(Saved data entries)

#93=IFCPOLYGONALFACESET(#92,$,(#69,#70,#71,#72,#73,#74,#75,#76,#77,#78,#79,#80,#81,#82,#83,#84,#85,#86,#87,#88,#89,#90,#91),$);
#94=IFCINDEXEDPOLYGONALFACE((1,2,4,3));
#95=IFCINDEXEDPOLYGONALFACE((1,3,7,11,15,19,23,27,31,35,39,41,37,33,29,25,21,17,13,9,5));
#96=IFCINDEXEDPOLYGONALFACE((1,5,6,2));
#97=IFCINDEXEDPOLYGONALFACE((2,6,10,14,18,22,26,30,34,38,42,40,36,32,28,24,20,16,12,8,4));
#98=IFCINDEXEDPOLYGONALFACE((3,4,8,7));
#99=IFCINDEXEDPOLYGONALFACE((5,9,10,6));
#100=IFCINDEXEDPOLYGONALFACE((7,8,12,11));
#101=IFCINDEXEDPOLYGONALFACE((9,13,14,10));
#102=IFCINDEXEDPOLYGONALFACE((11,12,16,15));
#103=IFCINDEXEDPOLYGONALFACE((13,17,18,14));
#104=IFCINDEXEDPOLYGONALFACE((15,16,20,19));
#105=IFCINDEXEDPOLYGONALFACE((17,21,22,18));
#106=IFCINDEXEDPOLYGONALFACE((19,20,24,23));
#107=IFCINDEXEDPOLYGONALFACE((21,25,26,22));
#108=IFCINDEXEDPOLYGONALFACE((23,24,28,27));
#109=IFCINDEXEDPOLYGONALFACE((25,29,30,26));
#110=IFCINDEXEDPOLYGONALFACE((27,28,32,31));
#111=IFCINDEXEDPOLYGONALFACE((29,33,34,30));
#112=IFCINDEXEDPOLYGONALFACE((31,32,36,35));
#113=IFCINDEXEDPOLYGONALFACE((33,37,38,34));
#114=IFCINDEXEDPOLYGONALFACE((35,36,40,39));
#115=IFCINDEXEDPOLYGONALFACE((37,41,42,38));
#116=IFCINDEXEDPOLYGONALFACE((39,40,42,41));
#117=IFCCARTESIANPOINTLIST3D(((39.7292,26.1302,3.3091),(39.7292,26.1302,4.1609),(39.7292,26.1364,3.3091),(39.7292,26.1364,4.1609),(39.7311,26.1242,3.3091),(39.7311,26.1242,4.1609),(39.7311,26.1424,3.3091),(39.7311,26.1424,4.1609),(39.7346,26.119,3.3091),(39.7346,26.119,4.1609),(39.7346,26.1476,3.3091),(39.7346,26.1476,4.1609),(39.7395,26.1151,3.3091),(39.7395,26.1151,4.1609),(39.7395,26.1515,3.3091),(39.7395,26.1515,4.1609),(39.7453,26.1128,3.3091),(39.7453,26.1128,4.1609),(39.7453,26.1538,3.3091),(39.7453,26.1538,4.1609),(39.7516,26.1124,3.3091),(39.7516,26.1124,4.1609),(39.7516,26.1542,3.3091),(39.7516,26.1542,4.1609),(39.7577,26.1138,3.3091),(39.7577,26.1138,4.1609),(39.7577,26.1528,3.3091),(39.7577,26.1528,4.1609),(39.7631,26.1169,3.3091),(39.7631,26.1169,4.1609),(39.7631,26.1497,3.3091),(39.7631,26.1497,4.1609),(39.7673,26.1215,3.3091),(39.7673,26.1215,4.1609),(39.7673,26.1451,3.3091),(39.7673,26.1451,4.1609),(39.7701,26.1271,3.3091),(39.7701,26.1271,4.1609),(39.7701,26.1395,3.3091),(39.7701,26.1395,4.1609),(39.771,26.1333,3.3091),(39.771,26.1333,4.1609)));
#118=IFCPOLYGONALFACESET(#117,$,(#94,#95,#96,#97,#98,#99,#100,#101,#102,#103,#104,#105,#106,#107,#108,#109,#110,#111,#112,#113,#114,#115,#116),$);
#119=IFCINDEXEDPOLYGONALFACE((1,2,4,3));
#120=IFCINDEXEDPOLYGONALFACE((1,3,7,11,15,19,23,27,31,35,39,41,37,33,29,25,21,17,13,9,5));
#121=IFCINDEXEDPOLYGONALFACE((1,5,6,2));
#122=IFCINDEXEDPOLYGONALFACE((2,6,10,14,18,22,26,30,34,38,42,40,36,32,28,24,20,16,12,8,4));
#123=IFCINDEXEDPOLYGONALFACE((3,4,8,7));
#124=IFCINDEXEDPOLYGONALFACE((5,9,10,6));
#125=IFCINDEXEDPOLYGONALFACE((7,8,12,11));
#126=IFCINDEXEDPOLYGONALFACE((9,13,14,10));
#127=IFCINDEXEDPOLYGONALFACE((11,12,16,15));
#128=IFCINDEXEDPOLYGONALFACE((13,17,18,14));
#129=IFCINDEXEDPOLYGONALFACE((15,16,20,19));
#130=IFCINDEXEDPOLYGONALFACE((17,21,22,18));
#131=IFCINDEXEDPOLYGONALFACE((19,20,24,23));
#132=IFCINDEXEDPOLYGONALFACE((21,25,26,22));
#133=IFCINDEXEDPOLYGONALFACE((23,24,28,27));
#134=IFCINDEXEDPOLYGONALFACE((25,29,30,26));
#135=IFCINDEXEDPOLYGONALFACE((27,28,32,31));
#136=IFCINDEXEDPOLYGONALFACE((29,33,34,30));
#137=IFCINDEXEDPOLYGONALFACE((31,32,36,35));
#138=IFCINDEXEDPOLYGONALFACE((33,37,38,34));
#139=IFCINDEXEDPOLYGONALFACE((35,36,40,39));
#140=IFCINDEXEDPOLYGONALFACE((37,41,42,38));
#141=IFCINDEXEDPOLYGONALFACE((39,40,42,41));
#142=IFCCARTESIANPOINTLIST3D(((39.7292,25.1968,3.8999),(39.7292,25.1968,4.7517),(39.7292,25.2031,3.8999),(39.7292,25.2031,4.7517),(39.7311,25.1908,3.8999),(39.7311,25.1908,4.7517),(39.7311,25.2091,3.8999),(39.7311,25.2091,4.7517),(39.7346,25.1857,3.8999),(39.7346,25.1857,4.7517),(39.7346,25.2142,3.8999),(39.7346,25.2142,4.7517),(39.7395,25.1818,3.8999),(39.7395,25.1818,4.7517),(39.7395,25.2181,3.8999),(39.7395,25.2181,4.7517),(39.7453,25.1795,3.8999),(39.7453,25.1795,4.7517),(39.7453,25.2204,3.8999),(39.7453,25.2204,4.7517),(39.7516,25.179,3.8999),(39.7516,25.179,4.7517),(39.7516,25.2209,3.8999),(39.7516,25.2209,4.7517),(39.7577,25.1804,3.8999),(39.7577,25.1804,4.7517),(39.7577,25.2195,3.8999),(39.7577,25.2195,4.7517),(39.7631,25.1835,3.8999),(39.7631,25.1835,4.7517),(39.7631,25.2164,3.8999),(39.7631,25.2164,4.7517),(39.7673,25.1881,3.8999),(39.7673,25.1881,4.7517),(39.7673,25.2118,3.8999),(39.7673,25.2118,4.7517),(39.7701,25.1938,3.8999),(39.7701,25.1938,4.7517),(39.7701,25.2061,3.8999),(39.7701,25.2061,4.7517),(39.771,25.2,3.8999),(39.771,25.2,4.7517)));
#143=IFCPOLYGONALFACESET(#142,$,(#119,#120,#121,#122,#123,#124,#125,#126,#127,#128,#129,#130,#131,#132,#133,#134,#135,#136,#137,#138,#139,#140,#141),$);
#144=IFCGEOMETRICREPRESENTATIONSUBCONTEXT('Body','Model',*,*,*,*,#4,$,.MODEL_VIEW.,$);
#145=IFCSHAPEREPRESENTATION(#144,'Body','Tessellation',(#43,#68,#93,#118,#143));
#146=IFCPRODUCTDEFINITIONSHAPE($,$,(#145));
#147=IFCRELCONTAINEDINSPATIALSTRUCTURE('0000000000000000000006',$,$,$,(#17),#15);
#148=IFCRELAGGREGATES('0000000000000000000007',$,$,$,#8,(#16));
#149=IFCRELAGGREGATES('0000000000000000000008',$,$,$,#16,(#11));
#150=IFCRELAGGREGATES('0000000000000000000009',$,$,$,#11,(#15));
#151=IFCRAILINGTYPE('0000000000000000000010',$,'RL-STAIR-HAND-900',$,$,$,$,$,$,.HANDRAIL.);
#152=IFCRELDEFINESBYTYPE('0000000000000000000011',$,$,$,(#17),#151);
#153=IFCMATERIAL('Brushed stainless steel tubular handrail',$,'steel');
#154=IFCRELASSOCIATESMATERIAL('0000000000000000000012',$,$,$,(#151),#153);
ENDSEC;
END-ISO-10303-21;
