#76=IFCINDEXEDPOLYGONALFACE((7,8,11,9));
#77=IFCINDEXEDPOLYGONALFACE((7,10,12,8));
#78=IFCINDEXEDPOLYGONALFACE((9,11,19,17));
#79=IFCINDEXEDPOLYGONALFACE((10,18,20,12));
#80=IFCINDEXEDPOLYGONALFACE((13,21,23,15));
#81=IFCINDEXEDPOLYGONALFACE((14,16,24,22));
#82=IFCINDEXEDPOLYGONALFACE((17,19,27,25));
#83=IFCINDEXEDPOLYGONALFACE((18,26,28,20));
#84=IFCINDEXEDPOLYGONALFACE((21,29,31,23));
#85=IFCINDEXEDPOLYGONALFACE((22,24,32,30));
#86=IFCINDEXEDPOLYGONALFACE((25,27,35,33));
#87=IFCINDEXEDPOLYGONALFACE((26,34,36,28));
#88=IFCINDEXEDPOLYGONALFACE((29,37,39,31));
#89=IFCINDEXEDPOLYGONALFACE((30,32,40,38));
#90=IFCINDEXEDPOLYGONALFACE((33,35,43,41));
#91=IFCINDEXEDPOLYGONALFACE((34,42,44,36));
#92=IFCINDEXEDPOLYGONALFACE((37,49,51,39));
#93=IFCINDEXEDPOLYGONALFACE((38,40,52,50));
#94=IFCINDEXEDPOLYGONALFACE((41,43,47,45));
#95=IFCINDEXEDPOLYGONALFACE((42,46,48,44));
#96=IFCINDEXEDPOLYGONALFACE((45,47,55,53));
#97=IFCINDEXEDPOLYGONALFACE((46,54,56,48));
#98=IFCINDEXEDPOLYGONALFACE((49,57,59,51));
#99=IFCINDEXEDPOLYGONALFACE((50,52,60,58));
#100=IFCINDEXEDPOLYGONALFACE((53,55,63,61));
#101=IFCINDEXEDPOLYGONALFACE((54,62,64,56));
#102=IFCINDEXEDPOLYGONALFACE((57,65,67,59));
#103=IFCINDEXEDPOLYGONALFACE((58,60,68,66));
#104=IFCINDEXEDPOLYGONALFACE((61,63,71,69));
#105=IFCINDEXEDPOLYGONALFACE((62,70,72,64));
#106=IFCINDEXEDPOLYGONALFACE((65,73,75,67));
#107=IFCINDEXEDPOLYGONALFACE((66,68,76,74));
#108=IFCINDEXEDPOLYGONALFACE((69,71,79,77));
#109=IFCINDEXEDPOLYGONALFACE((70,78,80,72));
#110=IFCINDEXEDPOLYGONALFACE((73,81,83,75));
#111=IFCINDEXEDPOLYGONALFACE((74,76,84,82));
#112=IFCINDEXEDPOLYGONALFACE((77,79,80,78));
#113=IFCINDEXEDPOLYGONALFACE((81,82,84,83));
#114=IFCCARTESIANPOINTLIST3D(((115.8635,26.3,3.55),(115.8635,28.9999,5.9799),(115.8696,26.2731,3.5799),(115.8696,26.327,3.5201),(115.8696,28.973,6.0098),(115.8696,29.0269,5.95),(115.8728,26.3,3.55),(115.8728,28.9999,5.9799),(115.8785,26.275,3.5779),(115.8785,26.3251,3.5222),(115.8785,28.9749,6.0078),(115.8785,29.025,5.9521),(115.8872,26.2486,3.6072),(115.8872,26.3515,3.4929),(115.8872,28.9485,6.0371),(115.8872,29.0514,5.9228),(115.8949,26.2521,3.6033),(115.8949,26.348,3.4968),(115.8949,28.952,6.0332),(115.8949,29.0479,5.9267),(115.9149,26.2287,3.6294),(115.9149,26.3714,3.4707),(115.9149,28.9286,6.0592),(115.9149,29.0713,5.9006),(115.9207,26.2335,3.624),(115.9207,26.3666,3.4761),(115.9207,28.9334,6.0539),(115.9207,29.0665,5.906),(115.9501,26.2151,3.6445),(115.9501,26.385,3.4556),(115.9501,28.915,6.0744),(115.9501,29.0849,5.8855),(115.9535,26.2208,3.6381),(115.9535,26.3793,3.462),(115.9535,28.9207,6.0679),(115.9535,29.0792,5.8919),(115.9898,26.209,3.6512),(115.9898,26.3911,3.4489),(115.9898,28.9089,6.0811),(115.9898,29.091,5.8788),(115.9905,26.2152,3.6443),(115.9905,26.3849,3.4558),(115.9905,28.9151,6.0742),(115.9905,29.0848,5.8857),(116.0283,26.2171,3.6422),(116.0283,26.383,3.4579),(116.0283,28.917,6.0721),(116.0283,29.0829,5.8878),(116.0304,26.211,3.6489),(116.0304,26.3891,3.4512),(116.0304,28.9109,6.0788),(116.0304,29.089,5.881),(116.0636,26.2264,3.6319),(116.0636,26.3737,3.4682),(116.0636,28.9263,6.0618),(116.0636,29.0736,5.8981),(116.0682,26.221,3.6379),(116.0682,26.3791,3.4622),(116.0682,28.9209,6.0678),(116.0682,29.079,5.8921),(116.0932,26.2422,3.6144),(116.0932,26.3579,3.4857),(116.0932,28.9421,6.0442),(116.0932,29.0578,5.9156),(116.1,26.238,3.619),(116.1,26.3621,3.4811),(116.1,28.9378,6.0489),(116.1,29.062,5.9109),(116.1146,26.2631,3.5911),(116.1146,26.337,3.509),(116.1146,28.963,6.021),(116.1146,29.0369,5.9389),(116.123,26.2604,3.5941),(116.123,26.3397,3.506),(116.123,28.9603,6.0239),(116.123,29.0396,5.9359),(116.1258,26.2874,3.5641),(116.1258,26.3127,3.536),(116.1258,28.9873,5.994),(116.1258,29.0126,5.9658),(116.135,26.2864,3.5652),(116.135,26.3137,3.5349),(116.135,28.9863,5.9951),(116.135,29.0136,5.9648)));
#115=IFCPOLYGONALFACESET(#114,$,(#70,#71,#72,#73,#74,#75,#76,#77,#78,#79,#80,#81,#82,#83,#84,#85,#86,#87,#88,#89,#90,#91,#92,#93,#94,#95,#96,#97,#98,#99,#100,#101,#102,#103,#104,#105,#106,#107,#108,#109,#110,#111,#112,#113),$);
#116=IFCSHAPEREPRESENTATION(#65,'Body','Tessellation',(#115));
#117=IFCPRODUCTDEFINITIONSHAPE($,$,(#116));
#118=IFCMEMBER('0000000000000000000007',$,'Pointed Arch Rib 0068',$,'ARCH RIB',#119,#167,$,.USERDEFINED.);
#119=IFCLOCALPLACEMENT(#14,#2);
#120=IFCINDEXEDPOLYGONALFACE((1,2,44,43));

HOW TO COMPLETE THIS TASK:
If a line comes after the one containing "#96=IFCINDEXEDPOLYGONALFACE((1,5,6,2));", leave it out; set down every line of the data before it, and that line itself, exactly.

RESULT FOR THIS EXERCISE:
#93=IFCPOLYGONALFACESET(#92,$,(#69,#70,#71,#72,#73,#74,#75,#76,#77,#78,#79,#80,#81,#82,#83,#84,#85,#86,#87,#88,#89,#90,#91),$);
#94=IFCINDEXEDPOLYGONALFACE((1,2,4,3));
#95=IFCINDEXEDPOLYGONALFACE((1,3,7,11,15,19,23,27,31,35,39,41,37,33,29,25,21,17,13,9,5));
#96=IFCINDEXEDPOLYGONALFACE((1,5,6,2));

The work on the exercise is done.